Exercise - If a line in the listing below contains "IFCRELDEFINESBYTYPE", return that line.

Source data -
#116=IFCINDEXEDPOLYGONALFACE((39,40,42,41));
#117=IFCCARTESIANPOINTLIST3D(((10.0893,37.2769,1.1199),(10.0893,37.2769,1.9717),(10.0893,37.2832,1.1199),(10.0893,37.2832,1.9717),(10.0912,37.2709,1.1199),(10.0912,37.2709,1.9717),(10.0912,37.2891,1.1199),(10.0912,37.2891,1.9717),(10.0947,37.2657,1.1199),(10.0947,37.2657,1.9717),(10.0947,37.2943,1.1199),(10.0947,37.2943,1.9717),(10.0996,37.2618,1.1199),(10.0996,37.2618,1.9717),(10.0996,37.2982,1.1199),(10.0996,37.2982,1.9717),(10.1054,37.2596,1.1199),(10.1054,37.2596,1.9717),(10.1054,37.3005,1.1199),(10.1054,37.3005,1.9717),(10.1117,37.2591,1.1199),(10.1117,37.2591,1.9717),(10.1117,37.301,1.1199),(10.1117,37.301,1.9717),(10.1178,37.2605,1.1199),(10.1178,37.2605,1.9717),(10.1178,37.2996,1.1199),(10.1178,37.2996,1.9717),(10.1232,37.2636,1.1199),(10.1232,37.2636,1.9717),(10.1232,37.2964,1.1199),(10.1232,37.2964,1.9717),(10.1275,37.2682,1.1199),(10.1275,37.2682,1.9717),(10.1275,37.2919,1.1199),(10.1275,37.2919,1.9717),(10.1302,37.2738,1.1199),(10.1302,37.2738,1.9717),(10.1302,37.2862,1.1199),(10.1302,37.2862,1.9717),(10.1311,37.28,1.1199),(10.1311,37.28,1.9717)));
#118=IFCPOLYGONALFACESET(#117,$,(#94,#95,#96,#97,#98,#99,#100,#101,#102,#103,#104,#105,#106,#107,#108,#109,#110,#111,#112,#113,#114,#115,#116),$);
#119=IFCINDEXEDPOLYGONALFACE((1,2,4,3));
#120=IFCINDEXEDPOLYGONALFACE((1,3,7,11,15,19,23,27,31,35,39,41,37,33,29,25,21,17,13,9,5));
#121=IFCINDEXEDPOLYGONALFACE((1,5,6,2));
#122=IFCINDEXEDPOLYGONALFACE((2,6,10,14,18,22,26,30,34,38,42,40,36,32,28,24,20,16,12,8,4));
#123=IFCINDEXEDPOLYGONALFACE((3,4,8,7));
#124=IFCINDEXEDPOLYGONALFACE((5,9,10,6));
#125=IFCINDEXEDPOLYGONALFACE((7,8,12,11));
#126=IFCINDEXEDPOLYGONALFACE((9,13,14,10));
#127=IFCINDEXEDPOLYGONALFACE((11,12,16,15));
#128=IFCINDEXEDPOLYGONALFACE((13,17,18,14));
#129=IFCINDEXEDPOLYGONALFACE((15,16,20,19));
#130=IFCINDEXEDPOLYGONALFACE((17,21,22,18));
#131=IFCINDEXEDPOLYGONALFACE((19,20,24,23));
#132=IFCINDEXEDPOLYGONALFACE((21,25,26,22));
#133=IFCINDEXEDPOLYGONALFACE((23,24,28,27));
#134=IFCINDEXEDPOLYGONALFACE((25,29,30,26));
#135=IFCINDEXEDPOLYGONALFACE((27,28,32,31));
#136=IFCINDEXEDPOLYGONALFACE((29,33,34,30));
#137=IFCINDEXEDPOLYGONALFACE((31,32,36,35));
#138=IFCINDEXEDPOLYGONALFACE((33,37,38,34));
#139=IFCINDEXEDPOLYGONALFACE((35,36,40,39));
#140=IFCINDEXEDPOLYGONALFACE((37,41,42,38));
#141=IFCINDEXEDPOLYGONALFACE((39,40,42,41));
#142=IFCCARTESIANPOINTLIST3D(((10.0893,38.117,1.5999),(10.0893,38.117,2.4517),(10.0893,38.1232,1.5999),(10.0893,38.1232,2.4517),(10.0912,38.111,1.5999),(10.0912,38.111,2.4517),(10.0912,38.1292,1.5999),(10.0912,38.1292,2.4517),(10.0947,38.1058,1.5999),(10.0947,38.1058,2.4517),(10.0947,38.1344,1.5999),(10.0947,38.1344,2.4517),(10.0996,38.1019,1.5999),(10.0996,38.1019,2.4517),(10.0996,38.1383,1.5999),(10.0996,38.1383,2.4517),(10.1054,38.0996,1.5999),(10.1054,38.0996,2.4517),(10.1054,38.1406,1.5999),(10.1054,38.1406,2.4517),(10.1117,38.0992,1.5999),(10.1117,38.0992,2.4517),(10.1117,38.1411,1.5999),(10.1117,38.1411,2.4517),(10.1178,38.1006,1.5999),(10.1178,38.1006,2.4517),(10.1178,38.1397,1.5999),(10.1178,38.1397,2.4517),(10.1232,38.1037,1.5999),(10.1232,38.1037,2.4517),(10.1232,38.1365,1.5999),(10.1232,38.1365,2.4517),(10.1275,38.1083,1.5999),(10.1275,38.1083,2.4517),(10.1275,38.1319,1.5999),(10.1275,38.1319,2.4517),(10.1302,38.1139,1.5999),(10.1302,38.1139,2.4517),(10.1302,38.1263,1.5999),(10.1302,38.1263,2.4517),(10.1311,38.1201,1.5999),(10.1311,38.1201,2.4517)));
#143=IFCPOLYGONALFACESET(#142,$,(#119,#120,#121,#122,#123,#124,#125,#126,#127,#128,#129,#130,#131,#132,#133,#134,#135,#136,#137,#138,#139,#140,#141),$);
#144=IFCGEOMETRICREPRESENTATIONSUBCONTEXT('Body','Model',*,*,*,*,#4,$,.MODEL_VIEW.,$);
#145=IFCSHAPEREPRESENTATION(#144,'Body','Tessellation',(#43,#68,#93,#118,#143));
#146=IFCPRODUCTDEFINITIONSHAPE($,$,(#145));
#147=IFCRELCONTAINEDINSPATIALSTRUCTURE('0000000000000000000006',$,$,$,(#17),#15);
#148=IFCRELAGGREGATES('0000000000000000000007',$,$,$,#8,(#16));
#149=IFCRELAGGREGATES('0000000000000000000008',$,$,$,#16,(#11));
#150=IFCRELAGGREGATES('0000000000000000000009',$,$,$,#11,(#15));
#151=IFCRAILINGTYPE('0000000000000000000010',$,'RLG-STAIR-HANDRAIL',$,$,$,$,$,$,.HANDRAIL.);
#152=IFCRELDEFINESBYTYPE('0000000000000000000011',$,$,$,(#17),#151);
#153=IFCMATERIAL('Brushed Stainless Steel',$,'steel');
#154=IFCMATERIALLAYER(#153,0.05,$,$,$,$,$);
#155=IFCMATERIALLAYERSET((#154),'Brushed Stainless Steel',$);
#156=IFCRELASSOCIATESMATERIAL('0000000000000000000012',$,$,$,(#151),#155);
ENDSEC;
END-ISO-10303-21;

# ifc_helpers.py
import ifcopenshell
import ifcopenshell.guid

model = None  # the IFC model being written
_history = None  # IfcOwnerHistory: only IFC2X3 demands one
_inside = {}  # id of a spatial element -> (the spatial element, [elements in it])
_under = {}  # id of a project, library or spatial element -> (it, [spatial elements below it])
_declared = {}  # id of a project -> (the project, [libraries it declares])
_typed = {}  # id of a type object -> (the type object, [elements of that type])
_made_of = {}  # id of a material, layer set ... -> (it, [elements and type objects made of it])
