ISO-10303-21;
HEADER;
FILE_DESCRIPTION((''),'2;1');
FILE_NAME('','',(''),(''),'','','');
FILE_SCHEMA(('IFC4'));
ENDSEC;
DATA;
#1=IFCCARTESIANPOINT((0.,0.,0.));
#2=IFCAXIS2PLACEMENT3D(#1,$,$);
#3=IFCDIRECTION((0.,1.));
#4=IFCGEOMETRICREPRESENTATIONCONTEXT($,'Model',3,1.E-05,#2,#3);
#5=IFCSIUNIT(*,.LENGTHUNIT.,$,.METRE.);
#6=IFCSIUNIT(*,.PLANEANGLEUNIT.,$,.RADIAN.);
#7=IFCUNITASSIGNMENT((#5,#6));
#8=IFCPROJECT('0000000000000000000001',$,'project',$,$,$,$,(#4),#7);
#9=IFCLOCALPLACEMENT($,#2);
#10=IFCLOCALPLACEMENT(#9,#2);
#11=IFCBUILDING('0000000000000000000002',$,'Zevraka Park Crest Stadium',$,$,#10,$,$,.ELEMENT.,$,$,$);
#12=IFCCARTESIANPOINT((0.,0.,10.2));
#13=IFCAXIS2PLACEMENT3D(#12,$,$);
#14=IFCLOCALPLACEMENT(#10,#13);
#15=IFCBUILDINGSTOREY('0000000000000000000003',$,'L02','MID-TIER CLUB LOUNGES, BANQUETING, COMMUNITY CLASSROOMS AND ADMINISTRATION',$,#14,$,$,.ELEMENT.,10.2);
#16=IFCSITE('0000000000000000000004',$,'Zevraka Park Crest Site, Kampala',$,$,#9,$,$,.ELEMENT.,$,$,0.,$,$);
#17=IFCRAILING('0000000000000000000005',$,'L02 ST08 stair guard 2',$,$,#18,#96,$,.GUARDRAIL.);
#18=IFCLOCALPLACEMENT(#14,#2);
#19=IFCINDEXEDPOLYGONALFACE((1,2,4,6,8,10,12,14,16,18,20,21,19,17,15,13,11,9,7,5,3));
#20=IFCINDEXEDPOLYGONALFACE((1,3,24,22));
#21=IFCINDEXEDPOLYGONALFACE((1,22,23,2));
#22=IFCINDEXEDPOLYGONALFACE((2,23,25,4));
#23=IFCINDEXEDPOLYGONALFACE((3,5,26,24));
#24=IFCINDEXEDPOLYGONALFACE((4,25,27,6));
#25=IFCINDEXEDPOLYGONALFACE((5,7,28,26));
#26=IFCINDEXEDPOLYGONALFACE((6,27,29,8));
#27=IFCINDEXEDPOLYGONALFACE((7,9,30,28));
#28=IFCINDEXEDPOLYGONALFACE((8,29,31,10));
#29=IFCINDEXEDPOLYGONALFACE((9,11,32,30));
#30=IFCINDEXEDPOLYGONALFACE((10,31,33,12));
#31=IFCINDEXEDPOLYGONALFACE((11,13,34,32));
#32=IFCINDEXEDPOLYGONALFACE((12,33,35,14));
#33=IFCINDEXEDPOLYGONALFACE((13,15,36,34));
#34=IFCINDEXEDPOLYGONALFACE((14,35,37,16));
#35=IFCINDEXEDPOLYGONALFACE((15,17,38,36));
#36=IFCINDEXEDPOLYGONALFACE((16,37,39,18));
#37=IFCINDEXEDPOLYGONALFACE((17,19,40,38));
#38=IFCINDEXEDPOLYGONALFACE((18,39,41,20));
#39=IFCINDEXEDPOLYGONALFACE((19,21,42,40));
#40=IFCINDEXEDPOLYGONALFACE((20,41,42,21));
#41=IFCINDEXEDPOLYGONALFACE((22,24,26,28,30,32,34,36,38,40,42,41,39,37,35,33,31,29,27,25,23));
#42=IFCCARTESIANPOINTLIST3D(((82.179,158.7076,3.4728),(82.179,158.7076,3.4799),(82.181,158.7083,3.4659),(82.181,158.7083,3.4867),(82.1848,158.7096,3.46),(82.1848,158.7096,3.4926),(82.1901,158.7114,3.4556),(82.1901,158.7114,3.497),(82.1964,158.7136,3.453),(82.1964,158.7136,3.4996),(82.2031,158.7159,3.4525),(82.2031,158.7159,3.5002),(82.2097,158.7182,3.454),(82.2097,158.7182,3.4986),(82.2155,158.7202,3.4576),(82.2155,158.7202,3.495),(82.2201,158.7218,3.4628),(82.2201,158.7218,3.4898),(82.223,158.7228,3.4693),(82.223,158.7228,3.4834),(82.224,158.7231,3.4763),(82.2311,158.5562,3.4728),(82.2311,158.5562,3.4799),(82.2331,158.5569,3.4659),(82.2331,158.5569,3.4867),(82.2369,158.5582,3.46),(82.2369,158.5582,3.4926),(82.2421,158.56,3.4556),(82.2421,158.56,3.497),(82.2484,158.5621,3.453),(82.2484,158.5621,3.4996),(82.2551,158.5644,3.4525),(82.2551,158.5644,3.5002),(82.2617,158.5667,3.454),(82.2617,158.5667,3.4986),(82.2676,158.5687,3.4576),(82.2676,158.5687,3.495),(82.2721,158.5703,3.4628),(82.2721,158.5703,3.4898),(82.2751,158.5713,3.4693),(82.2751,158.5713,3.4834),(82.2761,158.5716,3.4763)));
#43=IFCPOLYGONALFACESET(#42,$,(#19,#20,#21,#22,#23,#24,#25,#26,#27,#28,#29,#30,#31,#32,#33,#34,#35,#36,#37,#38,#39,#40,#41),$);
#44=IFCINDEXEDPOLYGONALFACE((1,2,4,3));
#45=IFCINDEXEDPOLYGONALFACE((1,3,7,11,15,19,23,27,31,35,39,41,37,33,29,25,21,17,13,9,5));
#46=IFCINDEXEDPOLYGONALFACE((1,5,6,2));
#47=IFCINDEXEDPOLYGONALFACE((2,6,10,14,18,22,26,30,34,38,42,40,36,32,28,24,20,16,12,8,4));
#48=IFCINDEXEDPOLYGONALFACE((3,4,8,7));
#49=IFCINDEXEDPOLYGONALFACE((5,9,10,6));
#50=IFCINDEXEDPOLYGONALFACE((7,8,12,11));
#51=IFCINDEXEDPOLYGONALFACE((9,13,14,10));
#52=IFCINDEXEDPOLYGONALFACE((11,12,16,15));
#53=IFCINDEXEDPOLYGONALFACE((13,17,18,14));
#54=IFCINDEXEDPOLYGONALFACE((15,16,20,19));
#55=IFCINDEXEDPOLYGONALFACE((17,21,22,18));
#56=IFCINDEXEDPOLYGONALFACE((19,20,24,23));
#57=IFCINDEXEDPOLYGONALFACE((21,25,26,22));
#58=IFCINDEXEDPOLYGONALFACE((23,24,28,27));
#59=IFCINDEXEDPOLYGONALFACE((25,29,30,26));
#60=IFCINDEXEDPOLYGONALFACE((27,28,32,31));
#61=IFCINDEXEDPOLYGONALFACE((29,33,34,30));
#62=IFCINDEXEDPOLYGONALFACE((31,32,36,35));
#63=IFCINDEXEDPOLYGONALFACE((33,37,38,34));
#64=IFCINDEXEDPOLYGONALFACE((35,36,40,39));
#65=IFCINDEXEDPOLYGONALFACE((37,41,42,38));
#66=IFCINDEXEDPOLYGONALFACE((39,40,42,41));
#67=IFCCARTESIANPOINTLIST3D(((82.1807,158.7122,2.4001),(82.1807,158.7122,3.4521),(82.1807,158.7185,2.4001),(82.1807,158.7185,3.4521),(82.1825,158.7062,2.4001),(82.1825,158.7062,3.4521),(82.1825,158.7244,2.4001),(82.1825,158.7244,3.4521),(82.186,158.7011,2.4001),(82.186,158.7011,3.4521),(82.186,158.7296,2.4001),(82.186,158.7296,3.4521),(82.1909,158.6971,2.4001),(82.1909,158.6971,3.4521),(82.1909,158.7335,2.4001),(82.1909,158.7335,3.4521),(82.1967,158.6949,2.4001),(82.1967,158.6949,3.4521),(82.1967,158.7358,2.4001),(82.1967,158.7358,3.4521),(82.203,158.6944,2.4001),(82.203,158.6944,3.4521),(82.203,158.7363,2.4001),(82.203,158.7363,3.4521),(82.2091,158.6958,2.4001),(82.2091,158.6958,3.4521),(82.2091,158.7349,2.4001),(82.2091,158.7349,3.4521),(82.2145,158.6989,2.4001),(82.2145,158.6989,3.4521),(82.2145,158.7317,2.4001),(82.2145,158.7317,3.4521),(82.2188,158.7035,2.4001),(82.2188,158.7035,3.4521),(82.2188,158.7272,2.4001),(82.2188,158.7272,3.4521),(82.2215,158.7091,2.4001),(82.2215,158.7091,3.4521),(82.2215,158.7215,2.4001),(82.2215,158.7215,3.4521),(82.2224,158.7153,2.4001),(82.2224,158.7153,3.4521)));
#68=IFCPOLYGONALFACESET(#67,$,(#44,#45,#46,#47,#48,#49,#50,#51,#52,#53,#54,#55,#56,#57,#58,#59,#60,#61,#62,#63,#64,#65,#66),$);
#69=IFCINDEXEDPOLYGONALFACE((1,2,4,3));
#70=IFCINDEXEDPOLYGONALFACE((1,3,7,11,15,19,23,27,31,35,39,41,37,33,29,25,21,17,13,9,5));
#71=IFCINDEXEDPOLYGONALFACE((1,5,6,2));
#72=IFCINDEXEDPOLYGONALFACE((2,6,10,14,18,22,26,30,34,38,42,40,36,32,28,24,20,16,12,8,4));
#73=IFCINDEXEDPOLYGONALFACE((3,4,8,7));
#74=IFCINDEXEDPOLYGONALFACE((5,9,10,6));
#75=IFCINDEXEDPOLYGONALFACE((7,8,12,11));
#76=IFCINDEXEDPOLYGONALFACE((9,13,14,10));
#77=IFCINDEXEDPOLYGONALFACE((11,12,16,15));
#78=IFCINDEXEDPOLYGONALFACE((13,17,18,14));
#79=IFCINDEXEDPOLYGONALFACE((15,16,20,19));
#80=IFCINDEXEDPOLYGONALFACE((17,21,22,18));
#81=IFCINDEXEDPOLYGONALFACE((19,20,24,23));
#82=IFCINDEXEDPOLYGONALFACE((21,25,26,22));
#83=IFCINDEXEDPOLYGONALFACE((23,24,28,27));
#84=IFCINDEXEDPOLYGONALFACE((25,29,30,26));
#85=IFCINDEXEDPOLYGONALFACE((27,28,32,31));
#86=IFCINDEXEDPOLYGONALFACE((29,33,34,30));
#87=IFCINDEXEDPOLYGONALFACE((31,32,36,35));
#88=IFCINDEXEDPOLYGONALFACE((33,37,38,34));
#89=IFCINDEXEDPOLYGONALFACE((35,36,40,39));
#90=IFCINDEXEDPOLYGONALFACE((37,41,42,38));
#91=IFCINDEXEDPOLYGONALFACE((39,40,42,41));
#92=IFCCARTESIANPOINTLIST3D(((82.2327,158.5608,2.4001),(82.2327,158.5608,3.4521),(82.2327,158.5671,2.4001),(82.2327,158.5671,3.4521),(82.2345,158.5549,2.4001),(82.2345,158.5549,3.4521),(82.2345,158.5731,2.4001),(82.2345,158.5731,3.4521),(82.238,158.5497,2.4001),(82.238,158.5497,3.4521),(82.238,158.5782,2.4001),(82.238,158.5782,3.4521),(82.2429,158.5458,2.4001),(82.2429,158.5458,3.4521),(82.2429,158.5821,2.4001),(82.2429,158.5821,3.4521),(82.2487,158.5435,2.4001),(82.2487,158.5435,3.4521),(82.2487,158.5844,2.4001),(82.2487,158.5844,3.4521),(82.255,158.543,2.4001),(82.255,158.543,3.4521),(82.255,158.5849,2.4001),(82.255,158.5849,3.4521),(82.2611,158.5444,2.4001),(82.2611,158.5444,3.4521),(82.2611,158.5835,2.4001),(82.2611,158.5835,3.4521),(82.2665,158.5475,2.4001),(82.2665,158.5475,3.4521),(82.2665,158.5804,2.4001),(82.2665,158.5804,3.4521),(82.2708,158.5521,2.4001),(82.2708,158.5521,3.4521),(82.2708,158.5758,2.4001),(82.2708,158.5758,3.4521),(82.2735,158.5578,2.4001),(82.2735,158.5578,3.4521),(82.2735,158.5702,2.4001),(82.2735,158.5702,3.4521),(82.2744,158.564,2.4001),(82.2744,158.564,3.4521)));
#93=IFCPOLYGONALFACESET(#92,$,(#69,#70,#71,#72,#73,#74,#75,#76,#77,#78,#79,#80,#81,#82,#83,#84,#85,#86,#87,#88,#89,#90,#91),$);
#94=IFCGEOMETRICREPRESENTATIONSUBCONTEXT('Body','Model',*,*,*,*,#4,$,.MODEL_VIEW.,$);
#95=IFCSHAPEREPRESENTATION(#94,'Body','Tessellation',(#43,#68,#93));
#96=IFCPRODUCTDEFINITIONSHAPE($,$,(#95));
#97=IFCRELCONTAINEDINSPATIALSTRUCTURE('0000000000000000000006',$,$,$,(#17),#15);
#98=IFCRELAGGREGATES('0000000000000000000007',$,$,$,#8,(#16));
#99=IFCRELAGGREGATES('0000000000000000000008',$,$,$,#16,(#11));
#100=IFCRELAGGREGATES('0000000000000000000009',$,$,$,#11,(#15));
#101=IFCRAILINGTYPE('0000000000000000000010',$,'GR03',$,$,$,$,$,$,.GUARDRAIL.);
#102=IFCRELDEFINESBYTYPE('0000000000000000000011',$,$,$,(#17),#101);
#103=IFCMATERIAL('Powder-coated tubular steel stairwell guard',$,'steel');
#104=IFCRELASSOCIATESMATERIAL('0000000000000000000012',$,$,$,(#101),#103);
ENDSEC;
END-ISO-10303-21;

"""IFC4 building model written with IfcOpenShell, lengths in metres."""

from ifc_helpers import new_model, si_unit, direction, frame, origin, origin_2d, place, context, subcontext, project, spatial, circle, extrude, material, type_object, element, save


model = new_model("IFC4")

# Units and contexts
model_context = context("Model", 3, precision=1e-05, world=origin(), true_north=direction((0.0, 1.0)))
body_context = subcontext(model_context, "Body", "Model", "MODEL_VIEW")
ifc_project = project(units=[si_unit("LENGTHUNIT", "METRE"), si_unit("PLANEANGLEUNIT", "RADIAN")], contexts=[model_context])

# Site, building, storey
site_placement = place(None, origin())
site = spatial("IfcSite", under=ifc_project, at=site_placement, Name="Zevraka Park Crest Site, Kampala", CompositionType="ELEMENT", RefElevation=0.0)
building_placement = place(site_placement, origin())
building = spatial("IfcBuilding", under=site, at=building_placement, Name="Zevraka Park Crest Stadium", CompositionType="ELEMENT")
storey_placement = place(building_placement, frame((0.0, 0.0, 10.2)))
storey = spatial("IfcBuildingStorey", under=building, at=storey_placement, Name="L02", Description="MID-TIER CLUB LOUNGES, BANQUETING, COMMUNITY CLASSROOMS AND ADMINISTRATION", CompositionType="ELEMENT", Elevation=10.2)

# Railing
ifc_material_1 = material(Name="Powder-coated tubular steel stairwell guard", Category="steel")
railing_type_1 = type_object("IfcRailingType", Name="GR03", PredefinedType="GUARDRAIL", material=ifc_material_1)
railing_1_placement = place(storey_placement, frame((82.2014, 158.7153, 2.4001)))
element("IfcRailing", 1, at=railing_1_placement, inside=storey, type_object=railing_type_1, Name="L02 ST08 stair guard 2", PredefinedType="GUARDRAIL", context=body_context, shape_type="SweptSolid", body=[
    extrude(circle(Radius=0.0239, at=origin_2d()), frame((0.0, 0.0, 1.0762), z_axis=(0.324909, -0.945745, 0.0), x_axis=(0.945745, 0.324909, 0.0)), (0.0, 0.0, 1.0), 0.1602),
    extrude(circle(Radius=0.021, at=origin_2d()), origin(), (0.0, 0.0, 1.0), 1.052),
    extrude(circle(Radius=0.021, at=origin_2d()), frame((0.052, -0.1514, 0.0)), (0.0, 0.0, 1.0), 1.052),
])

save(model, "model.ifc")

Final answer -
#152=IFCRELDEFINESBYTYPE('0000000000000000000011',$,$,$,(#17),#151);
#102=IFCRELDEFINESBYTYPE('0000000000000000000011',$,$,$,(#17),#101);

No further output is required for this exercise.